* What to produce *
Keep only the lines of the material below that contain the word "anodised". Copy those lines.

[Dataset excerpts — start]

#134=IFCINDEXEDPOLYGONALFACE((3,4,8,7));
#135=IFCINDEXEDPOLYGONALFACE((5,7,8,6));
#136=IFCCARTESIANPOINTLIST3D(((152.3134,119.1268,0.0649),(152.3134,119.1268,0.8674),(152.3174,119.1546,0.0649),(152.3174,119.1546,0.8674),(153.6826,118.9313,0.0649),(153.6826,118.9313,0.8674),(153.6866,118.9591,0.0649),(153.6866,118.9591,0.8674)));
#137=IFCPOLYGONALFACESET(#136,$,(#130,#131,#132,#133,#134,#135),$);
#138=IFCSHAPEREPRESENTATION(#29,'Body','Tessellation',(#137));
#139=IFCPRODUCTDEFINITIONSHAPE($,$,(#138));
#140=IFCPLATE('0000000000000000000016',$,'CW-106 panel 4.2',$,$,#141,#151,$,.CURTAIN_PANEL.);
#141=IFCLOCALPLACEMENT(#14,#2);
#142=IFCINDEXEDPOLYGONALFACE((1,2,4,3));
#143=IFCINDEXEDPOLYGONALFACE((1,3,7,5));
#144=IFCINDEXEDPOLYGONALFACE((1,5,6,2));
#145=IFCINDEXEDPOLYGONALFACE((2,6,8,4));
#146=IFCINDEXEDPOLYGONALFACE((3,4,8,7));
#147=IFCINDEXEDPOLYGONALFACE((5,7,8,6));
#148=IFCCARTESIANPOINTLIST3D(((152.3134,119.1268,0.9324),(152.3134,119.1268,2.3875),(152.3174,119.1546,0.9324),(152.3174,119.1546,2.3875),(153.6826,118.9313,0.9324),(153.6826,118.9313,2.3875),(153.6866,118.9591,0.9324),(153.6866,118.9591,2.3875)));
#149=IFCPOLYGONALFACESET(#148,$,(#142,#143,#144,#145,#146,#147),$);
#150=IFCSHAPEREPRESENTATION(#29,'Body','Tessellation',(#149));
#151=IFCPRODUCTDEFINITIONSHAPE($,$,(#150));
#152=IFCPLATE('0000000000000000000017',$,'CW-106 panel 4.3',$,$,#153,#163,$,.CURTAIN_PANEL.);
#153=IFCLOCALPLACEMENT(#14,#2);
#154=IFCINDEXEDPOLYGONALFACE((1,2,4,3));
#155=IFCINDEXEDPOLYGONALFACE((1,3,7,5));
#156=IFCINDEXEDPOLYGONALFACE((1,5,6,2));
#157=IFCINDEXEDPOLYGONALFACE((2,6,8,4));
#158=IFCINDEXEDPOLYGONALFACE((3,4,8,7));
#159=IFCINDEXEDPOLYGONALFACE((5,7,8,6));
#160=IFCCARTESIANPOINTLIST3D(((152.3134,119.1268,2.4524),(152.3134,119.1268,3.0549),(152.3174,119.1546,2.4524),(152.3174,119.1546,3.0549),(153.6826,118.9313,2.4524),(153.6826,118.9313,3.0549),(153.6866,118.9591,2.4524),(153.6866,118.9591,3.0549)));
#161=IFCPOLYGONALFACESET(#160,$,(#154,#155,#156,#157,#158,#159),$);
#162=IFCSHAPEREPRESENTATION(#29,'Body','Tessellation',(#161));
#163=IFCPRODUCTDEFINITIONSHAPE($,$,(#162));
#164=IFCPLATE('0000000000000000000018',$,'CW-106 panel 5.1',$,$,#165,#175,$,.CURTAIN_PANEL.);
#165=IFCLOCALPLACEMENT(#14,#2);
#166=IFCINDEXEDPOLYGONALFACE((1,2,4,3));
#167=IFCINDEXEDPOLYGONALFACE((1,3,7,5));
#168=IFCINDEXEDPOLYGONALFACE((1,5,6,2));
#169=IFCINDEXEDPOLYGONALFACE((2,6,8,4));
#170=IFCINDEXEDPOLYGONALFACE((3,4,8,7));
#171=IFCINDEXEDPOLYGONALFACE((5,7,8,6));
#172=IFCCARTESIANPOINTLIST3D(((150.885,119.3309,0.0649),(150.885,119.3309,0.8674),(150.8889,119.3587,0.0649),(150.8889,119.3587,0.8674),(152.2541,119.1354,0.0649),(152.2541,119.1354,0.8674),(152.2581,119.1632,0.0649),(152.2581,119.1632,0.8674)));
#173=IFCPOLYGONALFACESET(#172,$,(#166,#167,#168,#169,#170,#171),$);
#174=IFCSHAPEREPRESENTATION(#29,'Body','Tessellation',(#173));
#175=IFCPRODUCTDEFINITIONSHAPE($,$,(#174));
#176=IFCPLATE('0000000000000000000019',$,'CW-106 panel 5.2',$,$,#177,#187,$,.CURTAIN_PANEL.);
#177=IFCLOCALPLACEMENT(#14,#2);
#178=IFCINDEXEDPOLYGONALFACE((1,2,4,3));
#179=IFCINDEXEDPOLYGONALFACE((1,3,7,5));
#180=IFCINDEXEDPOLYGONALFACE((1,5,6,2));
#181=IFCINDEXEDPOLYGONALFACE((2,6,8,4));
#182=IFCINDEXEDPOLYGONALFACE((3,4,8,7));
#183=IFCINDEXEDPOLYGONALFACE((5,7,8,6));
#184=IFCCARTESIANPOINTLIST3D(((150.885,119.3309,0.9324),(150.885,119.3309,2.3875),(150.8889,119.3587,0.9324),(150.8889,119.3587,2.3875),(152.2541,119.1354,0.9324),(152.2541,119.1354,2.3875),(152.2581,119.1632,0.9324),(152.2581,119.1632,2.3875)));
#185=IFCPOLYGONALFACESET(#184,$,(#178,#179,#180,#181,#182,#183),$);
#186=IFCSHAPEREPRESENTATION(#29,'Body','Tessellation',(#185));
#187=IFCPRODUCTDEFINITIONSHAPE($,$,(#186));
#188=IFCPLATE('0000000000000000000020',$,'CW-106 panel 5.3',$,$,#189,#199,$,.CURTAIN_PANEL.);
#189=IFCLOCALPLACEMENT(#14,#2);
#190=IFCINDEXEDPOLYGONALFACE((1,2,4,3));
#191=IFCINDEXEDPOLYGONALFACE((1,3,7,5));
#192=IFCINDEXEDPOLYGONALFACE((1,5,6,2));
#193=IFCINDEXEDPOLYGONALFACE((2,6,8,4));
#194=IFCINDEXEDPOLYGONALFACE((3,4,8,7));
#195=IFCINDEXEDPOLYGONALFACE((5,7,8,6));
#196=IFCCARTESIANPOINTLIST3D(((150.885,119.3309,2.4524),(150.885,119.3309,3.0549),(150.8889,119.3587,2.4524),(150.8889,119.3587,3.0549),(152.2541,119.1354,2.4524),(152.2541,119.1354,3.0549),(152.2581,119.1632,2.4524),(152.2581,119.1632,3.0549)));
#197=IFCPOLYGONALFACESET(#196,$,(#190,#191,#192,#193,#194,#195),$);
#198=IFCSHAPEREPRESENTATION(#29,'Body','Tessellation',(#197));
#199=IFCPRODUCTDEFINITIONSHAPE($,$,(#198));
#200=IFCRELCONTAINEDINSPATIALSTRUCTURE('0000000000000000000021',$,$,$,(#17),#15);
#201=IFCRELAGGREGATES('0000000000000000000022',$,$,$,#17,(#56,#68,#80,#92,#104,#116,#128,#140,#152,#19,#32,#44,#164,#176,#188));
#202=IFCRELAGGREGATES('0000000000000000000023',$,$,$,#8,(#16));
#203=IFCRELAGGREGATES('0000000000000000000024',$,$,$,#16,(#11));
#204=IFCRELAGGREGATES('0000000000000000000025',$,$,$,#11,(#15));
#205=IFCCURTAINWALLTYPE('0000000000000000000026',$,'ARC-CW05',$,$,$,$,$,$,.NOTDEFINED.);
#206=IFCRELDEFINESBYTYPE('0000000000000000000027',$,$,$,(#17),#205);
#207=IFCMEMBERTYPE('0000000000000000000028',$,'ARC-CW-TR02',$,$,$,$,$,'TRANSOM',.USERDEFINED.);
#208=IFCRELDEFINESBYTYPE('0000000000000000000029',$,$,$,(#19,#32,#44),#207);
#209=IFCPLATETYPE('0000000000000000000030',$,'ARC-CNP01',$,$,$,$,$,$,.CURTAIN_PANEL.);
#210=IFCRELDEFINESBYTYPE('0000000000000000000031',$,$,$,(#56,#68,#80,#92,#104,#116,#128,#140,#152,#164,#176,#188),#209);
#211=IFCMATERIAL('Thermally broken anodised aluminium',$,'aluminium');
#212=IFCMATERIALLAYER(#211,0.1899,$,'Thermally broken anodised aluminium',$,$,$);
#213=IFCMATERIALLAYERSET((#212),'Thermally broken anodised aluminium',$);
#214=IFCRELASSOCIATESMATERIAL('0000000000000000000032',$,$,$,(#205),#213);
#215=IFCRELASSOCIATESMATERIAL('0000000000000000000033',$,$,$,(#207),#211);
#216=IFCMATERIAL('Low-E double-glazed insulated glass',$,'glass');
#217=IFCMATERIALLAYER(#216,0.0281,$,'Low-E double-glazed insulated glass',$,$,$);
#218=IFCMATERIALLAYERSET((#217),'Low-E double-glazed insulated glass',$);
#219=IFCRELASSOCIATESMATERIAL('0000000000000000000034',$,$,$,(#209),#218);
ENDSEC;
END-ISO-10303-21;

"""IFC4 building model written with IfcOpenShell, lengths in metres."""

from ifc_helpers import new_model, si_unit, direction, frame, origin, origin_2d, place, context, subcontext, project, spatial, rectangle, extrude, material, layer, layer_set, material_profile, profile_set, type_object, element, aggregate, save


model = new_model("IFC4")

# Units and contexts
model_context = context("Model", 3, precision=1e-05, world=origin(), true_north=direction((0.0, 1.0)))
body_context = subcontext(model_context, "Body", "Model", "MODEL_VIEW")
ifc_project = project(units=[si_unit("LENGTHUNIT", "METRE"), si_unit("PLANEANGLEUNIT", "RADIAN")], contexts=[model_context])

[Dataset excerpts — finish]

* Solution for this problem *
#211=IFCMATERIAL('Thermally broken anodised aluminium',$,'aluminium');
#212=IFCMATERIALLAYER(#211,0.1899,$,'Thermally broken anodised aluminium',$,$,$);
#213=IFCMATERIALLAYERSET((#212),'Thermally broken anodised aluminium',$);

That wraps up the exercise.